(AIM OF THE EXERCISE)
Find and return every line of the data that contains the word "IFCCOLUMNTYPE".

(SOURCE MATERIAL)
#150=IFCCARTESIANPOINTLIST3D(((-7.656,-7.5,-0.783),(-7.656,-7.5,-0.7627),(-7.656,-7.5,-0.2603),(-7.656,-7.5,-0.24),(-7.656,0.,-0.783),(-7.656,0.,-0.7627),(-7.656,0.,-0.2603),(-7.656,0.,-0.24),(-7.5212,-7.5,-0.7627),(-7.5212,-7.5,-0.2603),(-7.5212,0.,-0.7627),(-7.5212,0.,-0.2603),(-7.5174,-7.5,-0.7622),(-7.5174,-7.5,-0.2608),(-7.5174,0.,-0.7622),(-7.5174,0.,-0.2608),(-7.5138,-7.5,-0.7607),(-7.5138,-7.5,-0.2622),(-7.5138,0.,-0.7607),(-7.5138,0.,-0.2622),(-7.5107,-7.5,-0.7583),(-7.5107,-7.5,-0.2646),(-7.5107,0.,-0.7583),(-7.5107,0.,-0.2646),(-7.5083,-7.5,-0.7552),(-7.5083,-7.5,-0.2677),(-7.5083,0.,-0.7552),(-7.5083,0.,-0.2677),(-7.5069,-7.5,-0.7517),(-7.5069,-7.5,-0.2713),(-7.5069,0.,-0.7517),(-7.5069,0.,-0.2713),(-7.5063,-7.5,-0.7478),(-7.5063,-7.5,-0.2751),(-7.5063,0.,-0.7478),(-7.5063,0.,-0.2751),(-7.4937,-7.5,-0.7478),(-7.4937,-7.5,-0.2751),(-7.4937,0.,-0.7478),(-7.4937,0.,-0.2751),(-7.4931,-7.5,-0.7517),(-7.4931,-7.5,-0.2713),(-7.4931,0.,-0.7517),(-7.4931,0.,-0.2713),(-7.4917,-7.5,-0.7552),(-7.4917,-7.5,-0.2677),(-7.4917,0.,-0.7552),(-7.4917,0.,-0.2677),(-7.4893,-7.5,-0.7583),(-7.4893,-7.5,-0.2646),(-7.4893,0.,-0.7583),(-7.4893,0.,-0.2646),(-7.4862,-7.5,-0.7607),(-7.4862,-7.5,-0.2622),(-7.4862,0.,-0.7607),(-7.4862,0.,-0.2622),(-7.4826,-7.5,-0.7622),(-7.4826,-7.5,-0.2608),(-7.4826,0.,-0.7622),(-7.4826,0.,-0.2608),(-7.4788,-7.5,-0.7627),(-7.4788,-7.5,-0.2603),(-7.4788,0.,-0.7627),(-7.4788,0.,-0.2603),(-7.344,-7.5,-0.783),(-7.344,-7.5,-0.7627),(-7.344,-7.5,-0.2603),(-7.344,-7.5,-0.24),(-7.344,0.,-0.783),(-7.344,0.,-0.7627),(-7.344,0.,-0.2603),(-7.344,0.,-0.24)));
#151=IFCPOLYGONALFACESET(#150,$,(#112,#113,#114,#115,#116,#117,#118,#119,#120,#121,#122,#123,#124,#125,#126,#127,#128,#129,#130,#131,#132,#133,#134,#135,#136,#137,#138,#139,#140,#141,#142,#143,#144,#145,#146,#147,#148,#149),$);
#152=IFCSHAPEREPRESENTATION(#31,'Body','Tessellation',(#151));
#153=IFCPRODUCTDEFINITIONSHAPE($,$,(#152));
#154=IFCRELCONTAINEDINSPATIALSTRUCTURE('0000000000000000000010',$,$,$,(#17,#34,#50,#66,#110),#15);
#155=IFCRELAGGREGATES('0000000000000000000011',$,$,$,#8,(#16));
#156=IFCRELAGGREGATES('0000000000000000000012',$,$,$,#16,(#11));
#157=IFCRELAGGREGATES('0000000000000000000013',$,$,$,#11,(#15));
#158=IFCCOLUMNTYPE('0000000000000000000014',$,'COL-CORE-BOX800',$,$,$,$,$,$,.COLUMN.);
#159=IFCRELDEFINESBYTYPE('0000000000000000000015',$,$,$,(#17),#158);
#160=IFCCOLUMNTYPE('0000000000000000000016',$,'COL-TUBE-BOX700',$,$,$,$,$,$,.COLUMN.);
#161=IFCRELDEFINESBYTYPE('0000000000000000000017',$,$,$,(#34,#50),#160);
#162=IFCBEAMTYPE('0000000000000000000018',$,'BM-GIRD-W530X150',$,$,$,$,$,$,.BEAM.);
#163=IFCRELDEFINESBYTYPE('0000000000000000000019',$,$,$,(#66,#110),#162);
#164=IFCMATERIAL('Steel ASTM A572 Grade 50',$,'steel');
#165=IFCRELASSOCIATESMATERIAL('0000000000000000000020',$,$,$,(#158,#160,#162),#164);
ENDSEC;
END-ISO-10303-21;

(TASK OUTPUT)
#158=IFCCOLUMNTYPE('0000000000000000000014',$,'COL-CORE-BOX800',$,$,$,$,$,$,.COLUMN.);
#160=IFCCOLUMNTYPE('0000000000000000000016',$,'COL-TUBE-BOX700',$,$,$,$,$,$,.COLUMN.);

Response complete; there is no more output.